To do -> The lines below that include the word "transom" are to be reported.

[Saved data entries]
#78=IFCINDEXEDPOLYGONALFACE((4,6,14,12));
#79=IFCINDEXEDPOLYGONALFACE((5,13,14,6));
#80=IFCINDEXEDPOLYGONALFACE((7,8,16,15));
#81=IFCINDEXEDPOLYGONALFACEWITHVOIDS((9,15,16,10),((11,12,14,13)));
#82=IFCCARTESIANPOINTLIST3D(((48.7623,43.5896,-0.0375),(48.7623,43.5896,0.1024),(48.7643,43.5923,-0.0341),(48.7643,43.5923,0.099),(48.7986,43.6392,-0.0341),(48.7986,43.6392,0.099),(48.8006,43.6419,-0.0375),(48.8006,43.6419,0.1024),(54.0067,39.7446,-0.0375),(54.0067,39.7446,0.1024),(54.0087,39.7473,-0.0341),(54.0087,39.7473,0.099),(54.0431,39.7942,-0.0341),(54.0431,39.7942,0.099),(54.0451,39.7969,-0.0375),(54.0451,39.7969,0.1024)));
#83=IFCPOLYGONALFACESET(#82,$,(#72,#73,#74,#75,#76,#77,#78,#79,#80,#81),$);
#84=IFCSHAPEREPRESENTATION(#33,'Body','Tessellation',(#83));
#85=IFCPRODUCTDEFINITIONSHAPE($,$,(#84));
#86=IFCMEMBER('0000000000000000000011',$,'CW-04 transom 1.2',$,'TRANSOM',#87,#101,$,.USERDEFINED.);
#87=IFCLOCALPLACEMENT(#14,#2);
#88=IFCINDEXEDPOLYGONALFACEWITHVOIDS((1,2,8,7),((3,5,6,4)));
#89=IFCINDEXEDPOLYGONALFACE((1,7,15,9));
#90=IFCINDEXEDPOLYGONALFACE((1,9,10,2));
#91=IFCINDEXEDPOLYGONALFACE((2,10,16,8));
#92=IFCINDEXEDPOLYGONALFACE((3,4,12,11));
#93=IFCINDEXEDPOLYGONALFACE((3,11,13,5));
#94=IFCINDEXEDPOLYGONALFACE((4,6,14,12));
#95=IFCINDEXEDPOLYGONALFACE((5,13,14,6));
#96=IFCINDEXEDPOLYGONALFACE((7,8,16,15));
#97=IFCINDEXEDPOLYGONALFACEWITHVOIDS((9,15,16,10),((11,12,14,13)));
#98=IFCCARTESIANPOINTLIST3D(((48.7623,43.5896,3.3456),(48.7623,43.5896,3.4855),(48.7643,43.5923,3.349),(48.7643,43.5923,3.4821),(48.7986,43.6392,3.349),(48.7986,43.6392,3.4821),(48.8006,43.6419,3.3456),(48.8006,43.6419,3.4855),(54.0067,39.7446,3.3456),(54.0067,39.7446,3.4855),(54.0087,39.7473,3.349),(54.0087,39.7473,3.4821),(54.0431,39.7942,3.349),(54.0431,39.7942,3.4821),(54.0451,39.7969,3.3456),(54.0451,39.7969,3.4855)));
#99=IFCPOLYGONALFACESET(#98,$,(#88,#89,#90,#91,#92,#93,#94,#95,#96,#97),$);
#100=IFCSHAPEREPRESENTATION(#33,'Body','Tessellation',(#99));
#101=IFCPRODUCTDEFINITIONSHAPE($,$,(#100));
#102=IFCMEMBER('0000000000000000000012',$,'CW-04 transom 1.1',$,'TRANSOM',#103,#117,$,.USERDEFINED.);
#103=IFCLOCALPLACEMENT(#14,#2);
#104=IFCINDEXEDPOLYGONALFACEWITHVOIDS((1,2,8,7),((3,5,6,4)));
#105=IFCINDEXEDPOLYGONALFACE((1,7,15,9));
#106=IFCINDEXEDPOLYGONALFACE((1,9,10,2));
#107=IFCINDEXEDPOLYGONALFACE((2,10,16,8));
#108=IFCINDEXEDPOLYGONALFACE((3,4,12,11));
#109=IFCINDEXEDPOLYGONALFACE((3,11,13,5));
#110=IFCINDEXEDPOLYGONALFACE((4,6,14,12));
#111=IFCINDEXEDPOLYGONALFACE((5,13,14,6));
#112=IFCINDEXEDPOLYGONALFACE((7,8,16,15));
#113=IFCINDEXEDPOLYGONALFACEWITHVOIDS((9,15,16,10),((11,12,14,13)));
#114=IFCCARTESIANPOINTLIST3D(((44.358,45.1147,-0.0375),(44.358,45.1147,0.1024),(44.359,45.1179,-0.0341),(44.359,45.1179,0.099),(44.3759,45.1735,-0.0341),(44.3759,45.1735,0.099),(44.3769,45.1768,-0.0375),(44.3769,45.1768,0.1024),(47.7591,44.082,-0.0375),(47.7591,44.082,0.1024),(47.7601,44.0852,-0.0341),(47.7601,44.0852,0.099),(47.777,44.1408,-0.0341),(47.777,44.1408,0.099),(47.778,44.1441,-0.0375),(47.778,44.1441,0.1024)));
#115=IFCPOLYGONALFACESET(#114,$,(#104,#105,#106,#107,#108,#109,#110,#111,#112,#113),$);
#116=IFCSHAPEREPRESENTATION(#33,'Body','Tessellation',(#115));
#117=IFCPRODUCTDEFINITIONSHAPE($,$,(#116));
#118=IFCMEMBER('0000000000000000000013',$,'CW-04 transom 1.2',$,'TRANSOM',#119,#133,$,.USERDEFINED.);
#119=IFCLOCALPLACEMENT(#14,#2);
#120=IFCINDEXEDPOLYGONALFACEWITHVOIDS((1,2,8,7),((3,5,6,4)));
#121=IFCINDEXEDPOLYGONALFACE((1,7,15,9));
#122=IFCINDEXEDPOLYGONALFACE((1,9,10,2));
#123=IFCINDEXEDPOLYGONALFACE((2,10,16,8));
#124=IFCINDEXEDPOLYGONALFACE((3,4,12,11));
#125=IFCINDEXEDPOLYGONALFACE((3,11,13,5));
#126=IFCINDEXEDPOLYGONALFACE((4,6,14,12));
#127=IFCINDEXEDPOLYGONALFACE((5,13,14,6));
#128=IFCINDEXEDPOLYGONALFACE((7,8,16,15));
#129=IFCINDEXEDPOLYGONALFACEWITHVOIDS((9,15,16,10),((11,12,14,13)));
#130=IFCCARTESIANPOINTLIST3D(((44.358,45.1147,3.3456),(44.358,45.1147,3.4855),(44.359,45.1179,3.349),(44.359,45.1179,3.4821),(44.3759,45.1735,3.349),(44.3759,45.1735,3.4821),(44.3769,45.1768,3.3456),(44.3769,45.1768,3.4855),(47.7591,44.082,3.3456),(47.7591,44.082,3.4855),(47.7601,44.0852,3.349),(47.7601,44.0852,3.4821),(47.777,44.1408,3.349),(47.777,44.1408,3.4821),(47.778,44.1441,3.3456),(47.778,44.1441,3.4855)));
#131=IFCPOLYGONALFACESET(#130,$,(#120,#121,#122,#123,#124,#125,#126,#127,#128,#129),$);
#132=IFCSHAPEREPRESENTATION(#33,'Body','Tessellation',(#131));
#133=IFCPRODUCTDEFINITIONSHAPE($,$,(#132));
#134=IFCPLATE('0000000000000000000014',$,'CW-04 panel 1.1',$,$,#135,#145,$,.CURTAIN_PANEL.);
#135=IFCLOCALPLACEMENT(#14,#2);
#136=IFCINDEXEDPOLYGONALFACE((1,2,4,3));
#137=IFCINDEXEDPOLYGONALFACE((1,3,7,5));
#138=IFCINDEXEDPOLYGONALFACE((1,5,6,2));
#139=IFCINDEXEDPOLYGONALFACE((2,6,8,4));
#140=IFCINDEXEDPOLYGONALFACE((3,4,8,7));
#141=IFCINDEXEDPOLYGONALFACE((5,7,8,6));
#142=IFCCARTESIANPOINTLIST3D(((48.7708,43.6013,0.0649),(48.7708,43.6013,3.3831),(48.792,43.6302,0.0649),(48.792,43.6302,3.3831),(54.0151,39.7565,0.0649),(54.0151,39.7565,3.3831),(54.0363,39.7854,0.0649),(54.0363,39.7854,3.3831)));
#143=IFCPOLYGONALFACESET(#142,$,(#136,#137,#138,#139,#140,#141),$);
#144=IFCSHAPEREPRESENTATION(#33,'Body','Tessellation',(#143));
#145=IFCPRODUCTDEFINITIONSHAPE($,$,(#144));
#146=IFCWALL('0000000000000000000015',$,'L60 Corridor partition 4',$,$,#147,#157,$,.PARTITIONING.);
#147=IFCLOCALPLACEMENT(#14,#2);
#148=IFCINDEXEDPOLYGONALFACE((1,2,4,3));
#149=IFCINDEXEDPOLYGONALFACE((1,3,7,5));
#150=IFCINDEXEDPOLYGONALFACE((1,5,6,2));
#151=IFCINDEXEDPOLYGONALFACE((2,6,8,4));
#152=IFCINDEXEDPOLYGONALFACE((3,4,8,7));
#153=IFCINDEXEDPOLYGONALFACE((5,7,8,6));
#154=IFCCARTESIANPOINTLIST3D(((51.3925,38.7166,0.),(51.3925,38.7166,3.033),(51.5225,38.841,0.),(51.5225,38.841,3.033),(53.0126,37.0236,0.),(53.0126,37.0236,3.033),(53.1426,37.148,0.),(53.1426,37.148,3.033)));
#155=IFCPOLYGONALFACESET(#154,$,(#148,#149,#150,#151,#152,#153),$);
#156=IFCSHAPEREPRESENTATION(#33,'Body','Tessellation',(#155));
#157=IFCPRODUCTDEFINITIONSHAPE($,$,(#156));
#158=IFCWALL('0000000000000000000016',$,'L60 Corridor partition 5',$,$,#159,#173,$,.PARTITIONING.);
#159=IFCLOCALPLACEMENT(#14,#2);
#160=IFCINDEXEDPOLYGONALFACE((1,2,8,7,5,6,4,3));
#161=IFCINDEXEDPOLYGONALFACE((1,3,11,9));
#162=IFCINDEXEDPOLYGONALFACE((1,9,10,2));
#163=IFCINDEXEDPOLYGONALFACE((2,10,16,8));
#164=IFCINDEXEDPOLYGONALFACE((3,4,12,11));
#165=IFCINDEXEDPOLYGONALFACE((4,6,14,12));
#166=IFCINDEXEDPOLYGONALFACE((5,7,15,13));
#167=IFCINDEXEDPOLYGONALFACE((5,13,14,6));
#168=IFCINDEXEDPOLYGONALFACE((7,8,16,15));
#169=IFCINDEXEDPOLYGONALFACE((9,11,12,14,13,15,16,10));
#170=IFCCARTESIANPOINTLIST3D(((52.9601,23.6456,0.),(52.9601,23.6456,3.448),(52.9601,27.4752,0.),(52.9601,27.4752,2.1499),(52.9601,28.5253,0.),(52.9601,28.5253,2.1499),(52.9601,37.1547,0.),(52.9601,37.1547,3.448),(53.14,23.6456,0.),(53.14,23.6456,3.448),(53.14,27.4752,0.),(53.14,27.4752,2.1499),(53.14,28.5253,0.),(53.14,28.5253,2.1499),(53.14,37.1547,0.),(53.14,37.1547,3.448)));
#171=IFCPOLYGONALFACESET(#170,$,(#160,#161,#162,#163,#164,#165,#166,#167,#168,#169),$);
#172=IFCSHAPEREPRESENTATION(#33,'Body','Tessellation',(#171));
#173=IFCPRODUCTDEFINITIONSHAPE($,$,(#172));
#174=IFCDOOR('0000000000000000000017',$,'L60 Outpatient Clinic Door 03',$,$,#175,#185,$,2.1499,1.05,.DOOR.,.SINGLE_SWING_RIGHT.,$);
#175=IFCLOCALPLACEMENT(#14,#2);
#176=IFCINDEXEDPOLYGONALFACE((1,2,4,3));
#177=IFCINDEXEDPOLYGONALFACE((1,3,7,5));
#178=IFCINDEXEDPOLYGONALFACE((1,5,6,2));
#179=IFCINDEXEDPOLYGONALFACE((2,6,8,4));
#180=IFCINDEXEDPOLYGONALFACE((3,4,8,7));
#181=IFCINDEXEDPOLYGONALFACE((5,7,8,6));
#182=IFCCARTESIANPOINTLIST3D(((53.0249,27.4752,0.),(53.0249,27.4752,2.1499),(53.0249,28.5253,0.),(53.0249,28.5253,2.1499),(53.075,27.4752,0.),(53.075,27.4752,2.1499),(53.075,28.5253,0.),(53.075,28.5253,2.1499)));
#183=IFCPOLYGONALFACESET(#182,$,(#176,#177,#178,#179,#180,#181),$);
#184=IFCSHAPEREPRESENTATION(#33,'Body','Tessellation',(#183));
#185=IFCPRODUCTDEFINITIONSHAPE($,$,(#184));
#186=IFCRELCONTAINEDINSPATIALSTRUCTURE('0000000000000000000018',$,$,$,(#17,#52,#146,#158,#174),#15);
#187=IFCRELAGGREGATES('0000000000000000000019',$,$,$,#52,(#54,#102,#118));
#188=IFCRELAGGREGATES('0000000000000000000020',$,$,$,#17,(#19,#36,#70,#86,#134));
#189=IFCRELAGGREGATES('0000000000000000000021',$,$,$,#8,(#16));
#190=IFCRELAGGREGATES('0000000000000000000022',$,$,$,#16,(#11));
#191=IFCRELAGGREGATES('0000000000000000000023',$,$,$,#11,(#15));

---

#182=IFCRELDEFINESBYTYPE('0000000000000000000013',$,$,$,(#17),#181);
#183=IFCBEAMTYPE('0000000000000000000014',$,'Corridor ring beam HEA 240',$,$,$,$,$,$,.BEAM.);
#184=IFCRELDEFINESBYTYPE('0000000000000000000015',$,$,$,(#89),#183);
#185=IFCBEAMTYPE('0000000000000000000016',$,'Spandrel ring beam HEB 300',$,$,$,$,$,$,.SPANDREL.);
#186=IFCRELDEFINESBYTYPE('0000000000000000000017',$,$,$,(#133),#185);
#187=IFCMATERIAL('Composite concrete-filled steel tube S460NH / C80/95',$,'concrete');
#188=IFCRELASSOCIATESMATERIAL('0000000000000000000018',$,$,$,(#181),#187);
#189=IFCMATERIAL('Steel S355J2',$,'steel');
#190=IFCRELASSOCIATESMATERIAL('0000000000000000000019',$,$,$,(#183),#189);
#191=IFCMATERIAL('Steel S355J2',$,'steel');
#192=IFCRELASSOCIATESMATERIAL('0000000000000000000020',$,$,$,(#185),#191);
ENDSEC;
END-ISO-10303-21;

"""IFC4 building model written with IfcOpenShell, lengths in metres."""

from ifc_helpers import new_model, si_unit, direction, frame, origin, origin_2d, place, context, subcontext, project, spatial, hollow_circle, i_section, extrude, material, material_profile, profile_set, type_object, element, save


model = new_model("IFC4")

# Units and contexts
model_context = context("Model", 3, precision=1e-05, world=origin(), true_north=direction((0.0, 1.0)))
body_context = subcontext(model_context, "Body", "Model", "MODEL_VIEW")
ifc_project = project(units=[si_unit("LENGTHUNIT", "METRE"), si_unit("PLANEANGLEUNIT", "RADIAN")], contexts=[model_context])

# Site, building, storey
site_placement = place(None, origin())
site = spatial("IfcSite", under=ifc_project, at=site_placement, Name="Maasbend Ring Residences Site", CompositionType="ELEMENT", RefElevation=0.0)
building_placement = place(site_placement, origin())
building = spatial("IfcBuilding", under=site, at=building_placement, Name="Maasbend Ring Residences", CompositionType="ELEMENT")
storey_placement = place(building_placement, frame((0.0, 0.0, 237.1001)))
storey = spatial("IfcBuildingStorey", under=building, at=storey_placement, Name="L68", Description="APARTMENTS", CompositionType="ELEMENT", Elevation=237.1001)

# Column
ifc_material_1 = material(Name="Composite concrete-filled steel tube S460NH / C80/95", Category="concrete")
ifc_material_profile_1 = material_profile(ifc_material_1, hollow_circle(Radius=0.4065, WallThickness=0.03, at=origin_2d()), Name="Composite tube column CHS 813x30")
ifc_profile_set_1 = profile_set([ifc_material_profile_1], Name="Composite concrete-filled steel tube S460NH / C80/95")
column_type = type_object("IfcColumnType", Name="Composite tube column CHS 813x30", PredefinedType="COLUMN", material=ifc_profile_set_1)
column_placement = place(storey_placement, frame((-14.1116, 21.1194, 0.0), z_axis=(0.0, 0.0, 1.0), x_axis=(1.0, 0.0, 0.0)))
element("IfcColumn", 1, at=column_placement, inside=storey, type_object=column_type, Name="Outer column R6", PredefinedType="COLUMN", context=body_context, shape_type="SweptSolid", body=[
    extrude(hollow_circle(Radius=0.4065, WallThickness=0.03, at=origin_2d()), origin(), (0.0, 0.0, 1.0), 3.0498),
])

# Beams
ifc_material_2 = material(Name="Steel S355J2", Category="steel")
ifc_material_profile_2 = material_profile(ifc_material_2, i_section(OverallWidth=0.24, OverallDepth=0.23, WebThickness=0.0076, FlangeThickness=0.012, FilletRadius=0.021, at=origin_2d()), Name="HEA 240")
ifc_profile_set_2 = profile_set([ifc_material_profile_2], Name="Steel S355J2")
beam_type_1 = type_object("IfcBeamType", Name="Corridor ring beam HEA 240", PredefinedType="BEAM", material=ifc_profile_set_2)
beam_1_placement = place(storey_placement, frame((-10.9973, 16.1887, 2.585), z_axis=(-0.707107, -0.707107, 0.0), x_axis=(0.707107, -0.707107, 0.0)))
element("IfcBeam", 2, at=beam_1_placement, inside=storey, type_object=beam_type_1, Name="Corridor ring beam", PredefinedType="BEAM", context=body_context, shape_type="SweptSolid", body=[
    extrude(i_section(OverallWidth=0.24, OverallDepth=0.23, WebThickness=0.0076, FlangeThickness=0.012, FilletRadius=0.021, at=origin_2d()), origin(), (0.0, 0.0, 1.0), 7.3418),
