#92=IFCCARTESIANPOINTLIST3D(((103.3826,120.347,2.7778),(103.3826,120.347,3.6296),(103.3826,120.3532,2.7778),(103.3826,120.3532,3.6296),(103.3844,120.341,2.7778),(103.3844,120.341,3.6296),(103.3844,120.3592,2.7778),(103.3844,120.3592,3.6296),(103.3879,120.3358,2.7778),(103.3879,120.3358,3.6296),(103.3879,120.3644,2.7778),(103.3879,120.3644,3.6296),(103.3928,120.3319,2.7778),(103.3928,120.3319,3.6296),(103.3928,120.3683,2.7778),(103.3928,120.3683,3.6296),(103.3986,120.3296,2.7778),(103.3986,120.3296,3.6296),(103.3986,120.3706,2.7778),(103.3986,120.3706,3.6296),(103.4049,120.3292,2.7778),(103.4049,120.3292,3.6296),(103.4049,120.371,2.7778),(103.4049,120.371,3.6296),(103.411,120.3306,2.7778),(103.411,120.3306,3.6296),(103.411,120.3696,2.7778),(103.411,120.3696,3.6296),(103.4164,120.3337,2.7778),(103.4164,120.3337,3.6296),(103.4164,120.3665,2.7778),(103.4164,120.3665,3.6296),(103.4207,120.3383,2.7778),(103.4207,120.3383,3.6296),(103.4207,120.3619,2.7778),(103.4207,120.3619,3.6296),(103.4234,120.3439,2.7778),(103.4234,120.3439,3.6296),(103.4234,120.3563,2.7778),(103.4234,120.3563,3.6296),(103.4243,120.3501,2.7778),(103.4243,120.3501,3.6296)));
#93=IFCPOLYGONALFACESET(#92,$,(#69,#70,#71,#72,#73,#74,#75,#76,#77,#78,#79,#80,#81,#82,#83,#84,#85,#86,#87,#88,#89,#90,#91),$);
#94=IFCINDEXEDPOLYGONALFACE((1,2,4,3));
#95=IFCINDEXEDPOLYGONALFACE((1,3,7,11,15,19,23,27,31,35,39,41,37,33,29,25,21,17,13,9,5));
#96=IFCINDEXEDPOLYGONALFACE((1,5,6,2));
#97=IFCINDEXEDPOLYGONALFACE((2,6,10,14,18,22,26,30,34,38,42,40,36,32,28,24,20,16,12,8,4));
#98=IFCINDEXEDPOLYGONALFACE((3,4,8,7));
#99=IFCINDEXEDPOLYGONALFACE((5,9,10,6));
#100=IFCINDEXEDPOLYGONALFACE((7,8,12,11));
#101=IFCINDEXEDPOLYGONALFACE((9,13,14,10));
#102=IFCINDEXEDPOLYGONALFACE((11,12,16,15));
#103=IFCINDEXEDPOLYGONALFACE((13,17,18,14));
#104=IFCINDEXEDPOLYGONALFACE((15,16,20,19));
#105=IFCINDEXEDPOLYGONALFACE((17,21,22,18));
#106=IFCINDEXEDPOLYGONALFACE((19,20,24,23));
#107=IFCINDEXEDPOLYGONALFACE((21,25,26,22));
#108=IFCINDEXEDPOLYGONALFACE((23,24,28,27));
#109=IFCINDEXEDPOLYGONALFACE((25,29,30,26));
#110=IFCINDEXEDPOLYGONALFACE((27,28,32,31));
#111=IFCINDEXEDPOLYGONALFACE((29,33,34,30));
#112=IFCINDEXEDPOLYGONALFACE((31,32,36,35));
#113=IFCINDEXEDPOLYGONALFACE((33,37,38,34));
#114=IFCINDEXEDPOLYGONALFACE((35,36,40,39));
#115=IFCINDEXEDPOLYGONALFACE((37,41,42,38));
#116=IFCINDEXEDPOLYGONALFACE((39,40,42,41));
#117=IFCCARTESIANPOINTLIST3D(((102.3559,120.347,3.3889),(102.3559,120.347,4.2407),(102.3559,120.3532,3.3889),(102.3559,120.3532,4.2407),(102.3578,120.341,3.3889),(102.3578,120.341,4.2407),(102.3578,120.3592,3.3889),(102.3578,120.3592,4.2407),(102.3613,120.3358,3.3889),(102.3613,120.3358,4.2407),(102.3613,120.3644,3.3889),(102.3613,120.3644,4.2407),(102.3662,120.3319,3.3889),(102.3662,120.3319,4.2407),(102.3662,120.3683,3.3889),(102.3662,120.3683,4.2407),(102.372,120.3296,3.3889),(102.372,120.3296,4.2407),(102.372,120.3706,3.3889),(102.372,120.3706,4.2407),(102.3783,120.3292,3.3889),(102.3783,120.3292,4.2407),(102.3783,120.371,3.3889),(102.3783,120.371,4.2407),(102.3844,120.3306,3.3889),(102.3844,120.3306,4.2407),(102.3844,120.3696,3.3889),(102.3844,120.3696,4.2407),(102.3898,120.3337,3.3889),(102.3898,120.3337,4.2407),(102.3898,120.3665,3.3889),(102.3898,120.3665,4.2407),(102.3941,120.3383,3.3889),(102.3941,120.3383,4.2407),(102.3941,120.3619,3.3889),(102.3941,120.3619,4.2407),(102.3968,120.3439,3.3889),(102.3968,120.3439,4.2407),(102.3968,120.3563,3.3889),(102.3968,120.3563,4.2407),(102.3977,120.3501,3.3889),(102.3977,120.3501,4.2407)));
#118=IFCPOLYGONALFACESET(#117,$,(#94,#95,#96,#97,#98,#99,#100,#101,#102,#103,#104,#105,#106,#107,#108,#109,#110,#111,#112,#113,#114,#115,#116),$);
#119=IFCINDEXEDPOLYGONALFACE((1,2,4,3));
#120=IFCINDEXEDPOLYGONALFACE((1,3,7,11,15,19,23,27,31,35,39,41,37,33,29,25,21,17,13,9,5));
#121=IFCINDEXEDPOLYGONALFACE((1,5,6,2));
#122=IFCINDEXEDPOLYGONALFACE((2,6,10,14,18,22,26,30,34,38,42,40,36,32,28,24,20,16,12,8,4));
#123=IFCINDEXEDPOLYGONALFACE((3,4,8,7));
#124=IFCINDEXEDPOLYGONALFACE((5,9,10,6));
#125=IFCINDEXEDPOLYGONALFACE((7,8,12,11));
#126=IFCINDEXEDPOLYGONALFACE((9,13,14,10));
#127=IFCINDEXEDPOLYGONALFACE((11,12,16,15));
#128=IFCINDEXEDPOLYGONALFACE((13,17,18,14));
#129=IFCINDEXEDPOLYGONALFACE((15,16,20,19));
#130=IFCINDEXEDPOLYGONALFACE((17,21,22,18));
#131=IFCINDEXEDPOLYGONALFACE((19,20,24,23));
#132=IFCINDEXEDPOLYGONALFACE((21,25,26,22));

Output of the exercise ->
#86=IFCMEMBER('0000000000000000000011',$,'CW-04 transom 1.2',$,'TRANSOM',#87,#101,$,.USERDEFINED.);
#102=IFCMEMBER('0000000000000000000012',$,'CW-04 transom 1.1',$,'TRANSOM',#103,#117,$,.USERDEFINED.);
#118=IFCMEMBER('0000000000000000000013',$,'CW-04 transom 1.2',$,'TRANSOM',#119,#133,$,.USERDEFINED.);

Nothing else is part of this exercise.